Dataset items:
<<<<

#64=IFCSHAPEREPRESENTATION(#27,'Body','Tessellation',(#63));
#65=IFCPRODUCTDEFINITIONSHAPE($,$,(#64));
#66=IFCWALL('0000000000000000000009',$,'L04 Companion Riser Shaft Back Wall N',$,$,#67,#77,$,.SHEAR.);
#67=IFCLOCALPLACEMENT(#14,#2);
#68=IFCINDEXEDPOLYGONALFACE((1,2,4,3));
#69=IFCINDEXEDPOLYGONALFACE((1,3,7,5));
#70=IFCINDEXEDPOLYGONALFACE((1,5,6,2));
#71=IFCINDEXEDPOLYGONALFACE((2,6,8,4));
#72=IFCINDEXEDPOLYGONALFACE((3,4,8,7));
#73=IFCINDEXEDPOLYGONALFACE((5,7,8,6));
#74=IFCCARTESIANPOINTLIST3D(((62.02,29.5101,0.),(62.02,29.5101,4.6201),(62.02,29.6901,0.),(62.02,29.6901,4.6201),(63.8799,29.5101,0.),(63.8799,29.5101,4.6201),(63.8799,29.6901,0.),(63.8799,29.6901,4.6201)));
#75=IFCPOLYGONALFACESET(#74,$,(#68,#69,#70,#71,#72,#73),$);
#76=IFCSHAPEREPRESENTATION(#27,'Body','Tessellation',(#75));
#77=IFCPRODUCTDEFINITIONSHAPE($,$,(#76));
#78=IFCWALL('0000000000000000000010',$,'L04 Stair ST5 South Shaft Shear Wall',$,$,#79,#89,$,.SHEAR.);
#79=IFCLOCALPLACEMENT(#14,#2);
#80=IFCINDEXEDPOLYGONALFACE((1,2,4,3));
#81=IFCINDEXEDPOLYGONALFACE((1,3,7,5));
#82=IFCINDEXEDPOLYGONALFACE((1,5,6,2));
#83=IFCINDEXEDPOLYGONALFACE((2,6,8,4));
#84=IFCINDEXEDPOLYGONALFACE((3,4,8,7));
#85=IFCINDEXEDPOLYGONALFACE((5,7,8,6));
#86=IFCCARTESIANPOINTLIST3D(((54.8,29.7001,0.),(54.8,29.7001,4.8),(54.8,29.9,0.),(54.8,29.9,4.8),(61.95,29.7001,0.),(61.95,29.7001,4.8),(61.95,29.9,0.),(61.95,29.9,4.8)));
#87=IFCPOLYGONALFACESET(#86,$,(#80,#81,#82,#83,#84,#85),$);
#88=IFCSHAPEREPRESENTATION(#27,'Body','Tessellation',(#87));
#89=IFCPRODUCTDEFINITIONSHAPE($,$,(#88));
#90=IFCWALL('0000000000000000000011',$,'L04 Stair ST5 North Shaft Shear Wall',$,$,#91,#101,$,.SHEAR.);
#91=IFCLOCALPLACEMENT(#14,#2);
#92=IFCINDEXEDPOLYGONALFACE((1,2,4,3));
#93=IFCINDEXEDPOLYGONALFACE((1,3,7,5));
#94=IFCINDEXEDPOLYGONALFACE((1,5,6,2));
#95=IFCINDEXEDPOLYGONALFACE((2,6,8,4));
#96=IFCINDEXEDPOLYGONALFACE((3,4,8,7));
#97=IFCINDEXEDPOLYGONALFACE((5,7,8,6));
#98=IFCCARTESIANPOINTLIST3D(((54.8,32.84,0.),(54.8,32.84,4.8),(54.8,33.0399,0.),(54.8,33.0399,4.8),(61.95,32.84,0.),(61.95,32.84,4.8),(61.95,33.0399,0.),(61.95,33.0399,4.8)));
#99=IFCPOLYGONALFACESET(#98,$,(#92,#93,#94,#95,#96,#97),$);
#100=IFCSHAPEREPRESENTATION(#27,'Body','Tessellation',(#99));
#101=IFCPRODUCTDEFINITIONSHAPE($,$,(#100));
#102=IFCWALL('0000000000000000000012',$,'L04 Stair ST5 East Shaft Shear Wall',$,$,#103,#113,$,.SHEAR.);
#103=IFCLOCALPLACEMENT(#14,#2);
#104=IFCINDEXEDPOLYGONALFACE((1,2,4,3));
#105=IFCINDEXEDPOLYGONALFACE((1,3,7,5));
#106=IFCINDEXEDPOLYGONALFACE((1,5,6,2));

>>>>

Exercise objective
Respond with nothing but the number of lines in the data above that include the word "Tessellation".

Exercise result
4